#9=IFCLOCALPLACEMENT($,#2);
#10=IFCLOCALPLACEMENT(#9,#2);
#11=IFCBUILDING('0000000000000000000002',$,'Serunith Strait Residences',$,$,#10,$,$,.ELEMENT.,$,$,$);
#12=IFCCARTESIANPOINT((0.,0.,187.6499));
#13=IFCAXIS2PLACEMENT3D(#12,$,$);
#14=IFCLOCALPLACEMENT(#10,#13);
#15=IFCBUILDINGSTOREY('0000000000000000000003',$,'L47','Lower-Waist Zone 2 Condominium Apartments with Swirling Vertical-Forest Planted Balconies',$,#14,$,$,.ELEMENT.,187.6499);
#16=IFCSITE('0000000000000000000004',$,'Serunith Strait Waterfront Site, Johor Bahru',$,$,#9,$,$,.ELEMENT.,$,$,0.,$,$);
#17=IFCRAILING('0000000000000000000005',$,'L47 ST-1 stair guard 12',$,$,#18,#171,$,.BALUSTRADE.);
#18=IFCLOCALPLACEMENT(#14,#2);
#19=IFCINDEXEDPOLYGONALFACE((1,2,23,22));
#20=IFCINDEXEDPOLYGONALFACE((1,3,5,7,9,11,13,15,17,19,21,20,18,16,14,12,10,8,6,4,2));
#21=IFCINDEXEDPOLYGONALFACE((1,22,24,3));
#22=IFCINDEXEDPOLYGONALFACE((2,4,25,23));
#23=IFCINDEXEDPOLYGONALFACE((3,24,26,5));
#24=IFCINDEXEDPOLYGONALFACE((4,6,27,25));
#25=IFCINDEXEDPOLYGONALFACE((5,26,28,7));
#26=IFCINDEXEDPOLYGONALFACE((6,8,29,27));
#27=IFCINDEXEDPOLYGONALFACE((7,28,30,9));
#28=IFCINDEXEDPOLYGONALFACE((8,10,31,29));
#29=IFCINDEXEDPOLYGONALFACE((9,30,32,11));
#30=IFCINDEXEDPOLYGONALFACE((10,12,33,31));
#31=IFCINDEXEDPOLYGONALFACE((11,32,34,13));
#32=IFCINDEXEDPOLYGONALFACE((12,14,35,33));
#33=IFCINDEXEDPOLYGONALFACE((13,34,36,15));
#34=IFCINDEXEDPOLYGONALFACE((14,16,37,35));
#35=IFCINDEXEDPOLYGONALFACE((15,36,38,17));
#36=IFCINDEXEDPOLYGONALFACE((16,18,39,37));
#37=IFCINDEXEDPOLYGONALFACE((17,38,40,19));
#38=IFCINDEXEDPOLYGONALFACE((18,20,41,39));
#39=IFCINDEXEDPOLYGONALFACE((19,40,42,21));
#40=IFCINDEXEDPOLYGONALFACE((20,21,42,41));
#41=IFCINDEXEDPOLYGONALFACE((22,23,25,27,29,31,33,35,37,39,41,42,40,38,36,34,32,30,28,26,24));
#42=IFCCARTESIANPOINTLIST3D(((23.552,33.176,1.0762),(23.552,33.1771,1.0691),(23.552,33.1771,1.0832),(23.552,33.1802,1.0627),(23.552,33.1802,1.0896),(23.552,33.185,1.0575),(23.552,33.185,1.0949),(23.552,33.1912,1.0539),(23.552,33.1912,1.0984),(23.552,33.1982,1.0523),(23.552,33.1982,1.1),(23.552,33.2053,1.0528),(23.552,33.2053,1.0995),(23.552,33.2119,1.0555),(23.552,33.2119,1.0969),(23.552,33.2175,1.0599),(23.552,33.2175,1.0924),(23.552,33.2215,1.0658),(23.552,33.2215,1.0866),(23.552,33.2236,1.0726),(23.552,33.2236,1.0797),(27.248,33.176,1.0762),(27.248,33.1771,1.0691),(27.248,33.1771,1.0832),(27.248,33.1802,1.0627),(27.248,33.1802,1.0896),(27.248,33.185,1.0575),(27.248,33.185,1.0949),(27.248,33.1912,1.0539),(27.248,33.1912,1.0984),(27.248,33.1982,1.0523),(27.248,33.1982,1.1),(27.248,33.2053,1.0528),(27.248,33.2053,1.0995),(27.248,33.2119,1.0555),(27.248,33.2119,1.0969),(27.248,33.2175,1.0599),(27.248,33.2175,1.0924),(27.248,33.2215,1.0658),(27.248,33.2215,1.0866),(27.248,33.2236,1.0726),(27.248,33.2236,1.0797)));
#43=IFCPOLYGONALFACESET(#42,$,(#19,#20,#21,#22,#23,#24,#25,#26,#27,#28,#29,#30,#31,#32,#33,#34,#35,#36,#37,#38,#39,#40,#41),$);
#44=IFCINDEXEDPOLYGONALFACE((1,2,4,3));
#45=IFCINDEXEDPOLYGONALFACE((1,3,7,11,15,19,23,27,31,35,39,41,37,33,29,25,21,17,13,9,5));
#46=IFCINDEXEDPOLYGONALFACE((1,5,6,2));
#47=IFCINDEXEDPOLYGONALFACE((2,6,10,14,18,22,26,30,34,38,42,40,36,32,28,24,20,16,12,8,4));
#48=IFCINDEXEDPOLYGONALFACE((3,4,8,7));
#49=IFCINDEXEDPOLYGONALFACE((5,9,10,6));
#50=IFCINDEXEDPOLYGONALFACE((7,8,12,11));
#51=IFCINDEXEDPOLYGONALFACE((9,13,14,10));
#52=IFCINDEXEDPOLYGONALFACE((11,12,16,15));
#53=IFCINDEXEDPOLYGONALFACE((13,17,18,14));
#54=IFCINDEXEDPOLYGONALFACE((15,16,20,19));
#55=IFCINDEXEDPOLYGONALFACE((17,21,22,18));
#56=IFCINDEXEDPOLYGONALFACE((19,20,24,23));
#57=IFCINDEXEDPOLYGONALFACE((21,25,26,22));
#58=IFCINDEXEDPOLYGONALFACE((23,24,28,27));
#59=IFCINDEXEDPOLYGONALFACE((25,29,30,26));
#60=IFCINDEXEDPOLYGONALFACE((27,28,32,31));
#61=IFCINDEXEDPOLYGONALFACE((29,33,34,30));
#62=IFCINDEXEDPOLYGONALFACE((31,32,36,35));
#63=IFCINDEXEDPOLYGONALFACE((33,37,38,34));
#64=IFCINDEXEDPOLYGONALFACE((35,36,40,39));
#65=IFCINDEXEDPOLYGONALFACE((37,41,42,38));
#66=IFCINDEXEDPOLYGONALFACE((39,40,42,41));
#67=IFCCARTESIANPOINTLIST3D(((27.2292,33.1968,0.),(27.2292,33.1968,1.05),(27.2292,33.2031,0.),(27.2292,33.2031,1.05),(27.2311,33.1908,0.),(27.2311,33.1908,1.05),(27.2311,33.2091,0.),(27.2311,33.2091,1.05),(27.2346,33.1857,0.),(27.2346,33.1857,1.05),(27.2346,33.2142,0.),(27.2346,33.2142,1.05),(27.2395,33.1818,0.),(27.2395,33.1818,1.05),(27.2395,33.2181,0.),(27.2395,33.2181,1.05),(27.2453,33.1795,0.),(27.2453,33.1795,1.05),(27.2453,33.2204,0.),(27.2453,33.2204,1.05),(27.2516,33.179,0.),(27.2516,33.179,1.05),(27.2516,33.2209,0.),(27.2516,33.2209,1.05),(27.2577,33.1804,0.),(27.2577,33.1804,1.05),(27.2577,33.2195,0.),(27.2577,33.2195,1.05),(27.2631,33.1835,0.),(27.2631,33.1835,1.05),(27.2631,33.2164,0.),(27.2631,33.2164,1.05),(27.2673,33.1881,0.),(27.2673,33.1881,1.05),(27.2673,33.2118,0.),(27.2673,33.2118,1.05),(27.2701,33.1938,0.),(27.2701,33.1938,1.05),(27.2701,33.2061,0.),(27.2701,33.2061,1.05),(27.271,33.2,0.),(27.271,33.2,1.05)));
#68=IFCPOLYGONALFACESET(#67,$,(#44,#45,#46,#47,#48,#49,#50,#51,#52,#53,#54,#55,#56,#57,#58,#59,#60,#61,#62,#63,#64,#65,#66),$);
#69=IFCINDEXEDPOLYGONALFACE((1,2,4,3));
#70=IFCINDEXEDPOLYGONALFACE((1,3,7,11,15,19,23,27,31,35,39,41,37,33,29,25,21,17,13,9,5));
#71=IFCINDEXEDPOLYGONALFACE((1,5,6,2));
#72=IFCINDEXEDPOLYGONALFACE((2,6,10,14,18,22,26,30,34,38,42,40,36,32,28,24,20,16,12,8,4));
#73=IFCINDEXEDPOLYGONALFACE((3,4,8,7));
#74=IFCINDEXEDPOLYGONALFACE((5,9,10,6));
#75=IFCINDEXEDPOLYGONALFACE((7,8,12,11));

▶ [Problem details]
In the entries above, the lines from the one bearing "#60=IFCINDEXEDPOLYGONALFACE((27,28,32,31));" up to and including the one bearing "#66=IFCINDEXEDPOLYGONALFACE((39,40,42,41));" should be transcribed exactly; no other line is wanted.

▶ [Result for this task]
#60=IFCINDEXEDPOLYGONALFACE((27,28,32,31));
#61=IFCINDEXEDPOLYGONALFACE((29,33,34,30));
#62=IFCINDEXEDPOLYGONALFACE((31,32,36,35));
#63=IFCINDEXEDPOLYGONALFACE((33,37,38,34));
#64=IFCINDEXEDPOLYGONALFACE((35,36,40,39));
#65=IFCINDEXEDPOLYGONALFACE((37,41,42,38));
#66=IFCINDEXEDPOLYGONALFACE((39,40,42,41));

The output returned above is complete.